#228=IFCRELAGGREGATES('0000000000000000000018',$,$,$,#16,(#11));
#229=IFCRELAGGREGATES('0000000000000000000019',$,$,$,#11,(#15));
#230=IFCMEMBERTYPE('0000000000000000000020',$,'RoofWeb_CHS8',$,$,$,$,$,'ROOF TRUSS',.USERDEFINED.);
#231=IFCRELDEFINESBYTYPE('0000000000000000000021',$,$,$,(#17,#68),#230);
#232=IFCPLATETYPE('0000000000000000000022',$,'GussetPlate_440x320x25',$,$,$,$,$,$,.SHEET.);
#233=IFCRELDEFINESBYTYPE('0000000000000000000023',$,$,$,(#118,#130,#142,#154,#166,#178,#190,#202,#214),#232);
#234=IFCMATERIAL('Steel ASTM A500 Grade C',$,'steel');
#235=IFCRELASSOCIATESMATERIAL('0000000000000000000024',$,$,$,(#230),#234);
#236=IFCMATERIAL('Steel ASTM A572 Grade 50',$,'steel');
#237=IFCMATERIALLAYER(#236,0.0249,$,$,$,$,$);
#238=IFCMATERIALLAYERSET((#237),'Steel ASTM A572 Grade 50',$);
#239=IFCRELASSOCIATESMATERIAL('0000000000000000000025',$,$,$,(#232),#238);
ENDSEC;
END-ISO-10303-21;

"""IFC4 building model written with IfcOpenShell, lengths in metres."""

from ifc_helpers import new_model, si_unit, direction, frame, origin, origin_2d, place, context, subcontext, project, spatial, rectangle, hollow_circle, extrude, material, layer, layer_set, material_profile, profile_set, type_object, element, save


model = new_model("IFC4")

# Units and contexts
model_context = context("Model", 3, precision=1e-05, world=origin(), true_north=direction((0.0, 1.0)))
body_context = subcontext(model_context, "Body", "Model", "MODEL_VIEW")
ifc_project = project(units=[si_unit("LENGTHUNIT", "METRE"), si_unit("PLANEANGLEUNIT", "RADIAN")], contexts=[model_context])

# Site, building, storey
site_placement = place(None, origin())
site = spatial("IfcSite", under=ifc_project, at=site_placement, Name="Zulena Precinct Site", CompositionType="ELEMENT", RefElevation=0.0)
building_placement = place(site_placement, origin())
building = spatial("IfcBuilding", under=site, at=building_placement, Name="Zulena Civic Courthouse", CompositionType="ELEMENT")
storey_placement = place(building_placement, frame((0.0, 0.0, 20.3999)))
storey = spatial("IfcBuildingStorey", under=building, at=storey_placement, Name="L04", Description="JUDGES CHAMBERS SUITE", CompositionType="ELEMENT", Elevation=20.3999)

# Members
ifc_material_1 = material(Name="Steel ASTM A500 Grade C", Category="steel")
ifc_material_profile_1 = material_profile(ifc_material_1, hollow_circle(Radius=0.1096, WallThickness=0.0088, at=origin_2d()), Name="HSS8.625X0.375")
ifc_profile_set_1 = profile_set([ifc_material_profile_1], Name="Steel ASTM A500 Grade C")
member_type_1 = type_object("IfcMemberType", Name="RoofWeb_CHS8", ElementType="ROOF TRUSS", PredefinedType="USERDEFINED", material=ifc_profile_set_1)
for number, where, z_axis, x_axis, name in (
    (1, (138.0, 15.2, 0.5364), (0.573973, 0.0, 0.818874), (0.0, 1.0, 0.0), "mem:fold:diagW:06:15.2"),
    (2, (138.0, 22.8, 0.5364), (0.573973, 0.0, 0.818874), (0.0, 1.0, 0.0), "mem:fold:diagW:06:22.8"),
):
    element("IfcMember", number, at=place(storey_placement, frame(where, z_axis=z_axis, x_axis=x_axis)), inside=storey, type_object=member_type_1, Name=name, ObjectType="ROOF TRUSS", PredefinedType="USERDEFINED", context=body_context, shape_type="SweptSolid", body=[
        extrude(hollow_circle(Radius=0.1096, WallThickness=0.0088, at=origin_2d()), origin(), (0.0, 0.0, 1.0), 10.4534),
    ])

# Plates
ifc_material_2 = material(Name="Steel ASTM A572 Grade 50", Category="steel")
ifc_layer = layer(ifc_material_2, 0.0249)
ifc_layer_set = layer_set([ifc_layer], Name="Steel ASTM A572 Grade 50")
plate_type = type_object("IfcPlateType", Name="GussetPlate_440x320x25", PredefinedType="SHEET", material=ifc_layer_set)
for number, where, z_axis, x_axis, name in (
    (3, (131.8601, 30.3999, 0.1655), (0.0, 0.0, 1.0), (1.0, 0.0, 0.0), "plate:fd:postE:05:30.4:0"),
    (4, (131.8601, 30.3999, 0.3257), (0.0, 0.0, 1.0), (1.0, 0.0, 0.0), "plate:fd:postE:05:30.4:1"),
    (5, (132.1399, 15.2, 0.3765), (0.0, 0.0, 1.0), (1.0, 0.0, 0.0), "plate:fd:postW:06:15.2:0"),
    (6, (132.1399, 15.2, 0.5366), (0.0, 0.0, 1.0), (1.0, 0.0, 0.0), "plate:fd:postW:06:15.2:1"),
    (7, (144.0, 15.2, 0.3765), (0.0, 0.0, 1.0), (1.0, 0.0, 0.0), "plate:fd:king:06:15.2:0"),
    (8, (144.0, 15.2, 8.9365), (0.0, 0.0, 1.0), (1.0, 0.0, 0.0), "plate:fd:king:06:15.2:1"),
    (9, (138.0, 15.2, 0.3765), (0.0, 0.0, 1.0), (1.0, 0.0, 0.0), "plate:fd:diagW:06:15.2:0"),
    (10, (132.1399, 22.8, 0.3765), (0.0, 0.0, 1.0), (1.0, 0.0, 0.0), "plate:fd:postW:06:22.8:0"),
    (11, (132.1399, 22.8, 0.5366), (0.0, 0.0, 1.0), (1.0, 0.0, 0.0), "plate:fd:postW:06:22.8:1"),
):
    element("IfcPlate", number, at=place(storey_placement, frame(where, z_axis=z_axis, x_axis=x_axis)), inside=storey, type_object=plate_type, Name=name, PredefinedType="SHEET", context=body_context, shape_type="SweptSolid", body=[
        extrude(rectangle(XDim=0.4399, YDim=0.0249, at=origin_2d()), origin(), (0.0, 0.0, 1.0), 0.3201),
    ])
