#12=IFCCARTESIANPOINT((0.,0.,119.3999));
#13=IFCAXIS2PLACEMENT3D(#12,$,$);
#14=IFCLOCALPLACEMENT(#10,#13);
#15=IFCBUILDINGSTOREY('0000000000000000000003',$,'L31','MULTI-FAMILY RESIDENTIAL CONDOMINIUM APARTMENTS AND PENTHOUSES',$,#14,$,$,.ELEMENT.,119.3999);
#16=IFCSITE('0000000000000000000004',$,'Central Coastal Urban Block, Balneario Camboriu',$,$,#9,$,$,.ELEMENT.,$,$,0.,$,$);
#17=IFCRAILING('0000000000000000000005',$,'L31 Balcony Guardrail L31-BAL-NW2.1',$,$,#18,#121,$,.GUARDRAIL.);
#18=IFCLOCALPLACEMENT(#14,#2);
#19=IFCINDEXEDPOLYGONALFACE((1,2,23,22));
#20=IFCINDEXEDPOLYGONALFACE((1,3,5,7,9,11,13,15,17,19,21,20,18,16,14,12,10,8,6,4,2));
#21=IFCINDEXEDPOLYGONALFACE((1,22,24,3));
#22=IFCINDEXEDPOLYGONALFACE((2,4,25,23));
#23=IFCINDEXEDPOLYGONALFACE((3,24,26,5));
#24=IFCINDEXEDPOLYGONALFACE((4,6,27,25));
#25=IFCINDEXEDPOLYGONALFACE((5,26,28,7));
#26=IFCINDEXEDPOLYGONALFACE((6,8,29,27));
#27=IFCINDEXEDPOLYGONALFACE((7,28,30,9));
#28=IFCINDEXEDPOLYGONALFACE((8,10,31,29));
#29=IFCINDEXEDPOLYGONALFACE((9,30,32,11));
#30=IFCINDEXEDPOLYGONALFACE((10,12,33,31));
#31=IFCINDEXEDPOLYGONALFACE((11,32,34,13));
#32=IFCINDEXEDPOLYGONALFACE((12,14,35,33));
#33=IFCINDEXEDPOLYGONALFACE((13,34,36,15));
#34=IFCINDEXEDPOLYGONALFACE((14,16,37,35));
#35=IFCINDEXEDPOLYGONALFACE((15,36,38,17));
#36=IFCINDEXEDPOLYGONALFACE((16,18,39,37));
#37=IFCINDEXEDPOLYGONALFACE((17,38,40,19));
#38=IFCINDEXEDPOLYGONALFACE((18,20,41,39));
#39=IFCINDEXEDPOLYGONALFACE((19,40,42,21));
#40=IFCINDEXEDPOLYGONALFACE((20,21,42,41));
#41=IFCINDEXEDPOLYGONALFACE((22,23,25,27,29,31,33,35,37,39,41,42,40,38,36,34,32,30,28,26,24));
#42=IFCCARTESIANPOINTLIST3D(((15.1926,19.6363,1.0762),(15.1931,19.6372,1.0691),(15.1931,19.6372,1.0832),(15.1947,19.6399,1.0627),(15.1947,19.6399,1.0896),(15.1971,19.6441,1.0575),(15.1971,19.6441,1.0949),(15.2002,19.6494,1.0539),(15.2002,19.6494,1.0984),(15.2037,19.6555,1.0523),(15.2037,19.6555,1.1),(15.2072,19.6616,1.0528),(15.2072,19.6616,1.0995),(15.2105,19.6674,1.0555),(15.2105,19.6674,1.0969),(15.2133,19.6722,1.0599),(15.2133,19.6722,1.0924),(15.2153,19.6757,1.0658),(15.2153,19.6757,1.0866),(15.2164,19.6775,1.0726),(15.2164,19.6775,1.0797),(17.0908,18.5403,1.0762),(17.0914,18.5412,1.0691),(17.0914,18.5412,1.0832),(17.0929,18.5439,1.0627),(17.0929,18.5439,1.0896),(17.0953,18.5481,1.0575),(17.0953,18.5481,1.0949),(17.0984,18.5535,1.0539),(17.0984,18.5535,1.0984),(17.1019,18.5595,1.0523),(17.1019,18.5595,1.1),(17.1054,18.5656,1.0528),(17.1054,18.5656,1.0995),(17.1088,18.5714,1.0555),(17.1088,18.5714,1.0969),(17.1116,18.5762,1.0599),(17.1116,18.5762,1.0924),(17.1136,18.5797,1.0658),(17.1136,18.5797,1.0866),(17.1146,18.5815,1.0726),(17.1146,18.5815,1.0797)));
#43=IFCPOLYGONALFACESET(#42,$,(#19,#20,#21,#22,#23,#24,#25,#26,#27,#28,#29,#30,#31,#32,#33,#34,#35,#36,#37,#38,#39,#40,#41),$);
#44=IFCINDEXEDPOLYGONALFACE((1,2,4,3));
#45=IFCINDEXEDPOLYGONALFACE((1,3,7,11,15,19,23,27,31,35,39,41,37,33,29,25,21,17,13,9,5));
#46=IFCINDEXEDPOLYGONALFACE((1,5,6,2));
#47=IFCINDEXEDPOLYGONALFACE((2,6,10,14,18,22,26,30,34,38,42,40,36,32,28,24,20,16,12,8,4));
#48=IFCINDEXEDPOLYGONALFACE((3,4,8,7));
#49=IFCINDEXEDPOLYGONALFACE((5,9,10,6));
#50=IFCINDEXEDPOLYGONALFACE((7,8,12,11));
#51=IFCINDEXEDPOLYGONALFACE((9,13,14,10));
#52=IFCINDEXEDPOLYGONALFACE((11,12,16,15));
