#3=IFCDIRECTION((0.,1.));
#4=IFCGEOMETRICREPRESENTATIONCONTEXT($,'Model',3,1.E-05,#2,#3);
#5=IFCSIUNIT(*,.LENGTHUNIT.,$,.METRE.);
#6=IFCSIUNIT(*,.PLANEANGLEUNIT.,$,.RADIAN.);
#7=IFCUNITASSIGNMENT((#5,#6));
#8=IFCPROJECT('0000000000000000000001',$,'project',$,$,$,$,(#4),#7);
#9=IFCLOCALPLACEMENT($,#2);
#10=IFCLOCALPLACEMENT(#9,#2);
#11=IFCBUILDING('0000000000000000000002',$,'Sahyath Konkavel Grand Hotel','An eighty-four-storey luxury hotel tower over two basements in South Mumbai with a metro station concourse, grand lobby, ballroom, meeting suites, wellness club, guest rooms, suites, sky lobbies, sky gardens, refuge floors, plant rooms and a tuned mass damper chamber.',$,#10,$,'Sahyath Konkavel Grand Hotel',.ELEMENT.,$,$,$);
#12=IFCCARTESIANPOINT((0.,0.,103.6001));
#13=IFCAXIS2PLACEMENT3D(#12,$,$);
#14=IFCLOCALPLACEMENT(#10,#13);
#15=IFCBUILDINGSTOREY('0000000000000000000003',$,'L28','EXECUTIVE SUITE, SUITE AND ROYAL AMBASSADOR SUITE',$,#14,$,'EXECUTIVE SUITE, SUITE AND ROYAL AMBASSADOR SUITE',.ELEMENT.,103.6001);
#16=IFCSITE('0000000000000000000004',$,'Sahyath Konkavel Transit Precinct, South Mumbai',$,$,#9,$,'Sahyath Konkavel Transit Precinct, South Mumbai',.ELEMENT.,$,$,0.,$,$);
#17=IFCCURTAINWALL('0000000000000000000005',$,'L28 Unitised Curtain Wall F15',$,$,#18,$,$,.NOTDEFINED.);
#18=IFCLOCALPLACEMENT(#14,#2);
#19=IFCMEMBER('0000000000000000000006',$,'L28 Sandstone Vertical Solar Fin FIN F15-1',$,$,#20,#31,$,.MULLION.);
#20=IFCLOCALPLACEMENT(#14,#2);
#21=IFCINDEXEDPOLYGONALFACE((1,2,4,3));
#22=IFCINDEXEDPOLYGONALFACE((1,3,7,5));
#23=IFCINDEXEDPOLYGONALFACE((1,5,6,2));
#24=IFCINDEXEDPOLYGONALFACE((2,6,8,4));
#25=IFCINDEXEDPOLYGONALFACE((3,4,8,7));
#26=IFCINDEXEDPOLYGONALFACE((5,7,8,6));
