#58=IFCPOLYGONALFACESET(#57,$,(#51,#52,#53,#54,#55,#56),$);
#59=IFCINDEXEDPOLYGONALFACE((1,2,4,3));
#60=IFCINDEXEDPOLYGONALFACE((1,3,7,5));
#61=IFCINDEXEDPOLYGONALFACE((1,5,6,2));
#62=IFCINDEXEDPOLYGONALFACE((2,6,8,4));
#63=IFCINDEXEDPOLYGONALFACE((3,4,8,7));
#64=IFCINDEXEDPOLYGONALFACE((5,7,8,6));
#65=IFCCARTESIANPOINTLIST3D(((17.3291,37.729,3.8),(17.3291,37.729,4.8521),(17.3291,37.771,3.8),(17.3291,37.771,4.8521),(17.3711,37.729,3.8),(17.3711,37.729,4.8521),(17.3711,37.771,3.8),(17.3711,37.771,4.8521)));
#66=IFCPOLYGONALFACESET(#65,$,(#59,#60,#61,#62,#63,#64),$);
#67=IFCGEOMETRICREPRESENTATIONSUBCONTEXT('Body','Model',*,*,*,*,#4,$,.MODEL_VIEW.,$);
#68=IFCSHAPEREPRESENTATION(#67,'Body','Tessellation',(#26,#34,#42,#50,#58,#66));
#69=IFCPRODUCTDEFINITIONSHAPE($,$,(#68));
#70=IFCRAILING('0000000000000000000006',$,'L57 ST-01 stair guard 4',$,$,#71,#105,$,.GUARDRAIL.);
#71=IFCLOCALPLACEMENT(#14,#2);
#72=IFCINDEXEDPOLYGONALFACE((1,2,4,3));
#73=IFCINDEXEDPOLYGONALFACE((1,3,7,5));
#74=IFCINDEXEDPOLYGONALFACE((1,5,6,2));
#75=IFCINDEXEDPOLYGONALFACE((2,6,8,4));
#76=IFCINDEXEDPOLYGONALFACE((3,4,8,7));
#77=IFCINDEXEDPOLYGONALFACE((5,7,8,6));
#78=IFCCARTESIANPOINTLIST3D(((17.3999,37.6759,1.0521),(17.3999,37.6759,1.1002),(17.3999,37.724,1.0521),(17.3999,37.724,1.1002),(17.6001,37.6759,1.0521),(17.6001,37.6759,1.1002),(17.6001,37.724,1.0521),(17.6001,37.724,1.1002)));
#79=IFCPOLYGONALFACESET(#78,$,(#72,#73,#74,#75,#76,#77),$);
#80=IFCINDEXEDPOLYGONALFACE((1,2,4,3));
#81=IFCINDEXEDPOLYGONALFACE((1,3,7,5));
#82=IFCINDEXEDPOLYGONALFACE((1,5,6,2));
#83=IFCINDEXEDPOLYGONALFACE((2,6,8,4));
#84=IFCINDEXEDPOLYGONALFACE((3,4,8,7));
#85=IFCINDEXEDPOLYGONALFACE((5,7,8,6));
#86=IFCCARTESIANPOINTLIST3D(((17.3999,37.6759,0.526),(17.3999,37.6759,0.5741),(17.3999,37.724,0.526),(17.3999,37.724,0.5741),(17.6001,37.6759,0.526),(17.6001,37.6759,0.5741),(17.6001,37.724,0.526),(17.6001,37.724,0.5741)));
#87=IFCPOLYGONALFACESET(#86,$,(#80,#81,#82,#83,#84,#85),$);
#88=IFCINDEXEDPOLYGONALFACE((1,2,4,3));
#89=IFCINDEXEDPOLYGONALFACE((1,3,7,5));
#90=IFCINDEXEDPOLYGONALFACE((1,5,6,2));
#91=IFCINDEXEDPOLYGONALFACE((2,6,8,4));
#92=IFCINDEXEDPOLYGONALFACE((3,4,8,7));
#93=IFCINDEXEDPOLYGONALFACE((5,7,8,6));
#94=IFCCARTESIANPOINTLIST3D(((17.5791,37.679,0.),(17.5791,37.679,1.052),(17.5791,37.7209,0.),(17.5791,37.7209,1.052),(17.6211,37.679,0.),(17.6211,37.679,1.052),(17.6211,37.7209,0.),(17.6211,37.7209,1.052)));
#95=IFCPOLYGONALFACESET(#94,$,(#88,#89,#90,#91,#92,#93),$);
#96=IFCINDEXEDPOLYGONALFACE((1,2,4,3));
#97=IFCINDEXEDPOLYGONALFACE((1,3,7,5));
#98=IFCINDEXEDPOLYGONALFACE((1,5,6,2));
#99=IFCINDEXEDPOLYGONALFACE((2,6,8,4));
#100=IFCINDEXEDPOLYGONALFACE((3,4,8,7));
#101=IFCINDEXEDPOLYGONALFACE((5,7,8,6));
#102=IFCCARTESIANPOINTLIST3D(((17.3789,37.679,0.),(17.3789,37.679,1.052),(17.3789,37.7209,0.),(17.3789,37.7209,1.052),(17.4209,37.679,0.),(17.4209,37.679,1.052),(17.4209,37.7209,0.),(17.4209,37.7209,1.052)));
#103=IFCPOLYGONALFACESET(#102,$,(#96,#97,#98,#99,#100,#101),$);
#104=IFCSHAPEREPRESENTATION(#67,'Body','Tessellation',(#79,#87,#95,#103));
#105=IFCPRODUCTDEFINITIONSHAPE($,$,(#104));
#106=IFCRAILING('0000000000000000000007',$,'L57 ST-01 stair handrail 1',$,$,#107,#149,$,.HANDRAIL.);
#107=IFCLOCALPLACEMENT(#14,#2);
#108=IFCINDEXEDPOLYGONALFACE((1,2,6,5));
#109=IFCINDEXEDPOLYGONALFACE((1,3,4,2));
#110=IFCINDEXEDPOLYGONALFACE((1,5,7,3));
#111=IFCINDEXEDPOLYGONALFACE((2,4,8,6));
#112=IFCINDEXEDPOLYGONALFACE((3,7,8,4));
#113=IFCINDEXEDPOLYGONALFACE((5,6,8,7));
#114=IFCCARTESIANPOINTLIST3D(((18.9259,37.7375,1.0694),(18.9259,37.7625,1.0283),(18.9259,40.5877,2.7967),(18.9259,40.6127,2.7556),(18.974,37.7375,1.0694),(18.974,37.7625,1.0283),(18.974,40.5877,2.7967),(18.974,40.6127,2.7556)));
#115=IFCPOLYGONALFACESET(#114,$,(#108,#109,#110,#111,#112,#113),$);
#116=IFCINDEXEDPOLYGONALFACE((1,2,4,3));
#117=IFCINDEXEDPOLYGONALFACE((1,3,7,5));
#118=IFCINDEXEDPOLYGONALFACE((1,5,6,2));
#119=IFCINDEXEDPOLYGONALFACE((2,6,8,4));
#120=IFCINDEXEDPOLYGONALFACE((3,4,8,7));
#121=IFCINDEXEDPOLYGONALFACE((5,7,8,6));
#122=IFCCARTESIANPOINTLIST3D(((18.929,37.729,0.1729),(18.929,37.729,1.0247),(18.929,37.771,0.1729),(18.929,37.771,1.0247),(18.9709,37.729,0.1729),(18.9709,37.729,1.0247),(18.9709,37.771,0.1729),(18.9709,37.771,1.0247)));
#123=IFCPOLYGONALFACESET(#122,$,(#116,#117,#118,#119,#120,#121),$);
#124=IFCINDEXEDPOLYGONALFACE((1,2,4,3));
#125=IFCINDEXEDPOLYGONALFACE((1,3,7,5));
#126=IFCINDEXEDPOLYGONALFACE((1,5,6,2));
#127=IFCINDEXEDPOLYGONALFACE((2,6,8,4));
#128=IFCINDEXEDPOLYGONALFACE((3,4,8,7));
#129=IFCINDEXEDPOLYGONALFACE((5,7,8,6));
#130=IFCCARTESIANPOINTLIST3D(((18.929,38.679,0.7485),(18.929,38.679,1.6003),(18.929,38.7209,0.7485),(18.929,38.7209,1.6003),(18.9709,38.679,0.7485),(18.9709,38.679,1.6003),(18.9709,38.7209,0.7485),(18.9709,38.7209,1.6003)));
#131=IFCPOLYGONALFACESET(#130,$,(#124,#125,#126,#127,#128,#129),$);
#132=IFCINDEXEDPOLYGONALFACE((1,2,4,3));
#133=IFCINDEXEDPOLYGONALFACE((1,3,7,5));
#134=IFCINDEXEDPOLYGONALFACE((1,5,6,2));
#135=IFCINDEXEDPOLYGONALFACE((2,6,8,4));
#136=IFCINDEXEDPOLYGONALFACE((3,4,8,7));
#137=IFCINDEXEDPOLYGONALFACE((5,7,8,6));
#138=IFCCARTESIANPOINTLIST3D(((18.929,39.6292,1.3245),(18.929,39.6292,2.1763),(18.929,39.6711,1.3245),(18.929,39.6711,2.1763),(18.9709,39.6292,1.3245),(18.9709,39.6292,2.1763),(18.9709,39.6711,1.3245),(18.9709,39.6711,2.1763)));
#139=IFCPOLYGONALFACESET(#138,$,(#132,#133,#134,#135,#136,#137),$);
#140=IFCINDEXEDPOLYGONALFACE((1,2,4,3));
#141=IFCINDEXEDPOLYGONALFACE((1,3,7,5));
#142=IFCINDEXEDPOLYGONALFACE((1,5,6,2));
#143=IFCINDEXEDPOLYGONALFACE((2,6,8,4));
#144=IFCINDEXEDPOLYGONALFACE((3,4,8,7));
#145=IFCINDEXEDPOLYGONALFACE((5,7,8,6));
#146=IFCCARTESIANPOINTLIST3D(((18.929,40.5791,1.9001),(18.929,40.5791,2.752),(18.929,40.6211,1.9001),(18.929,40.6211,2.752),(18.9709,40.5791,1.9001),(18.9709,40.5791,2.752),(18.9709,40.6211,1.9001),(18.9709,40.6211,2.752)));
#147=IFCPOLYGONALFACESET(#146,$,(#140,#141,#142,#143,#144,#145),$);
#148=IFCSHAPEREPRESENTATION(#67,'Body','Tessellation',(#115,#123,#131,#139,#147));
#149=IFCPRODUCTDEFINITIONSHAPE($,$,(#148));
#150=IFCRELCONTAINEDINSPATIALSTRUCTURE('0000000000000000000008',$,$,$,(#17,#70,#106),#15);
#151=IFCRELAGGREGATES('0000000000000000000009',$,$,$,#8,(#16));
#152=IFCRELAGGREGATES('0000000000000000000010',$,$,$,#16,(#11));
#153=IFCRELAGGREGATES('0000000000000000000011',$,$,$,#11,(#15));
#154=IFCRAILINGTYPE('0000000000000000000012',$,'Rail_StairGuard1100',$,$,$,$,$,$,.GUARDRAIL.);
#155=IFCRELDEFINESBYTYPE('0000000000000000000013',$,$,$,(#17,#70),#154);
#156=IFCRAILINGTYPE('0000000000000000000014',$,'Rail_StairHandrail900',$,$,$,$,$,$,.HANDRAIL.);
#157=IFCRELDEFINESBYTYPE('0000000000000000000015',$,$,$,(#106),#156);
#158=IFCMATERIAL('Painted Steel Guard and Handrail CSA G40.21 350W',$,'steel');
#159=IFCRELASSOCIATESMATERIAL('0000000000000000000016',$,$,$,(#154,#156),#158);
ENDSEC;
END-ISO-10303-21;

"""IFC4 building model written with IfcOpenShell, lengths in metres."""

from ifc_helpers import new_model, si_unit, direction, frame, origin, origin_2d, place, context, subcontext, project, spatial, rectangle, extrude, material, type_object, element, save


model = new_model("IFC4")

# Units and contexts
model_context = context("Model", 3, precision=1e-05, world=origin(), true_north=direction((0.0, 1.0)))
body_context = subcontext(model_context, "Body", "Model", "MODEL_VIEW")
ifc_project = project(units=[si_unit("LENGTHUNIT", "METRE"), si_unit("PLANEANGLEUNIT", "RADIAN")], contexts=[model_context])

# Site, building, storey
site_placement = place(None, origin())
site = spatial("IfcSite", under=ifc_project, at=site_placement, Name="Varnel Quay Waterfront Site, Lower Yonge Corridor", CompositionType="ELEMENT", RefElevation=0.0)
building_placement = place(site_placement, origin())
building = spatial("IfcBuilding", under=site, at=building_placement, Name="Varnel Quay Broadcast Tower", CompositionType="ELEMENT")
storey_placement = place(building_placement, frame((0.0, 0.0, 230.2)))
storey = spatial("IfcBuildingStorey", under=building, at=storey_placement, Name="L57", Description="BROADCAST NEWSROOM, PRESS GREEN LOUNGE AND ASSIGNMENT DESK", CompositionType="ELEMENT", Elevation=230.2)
====================
> [Exercise description]: From the entries above, give again exactly the lines running from the line with "#61=IFCINDEXEDPOLYGONALFACE((1,5,6,2));" to the line with "#64=IFCINDEXEDPOLYGONALFACE((5,7,8,6));"; include both of those lines.

> [Result of the task]:
#61=IFCINDEXEDPOLYGONALFACE((1,5,6,2));
#62=IFCINDEXEDPOLYGONALFACE((2,6,8,4));
#63=IFCINDEXEDPOLYGONALFACE((3,4,8,7));
#64=IFCINDEXEDPOLYGONALFACE((5,7,8,6));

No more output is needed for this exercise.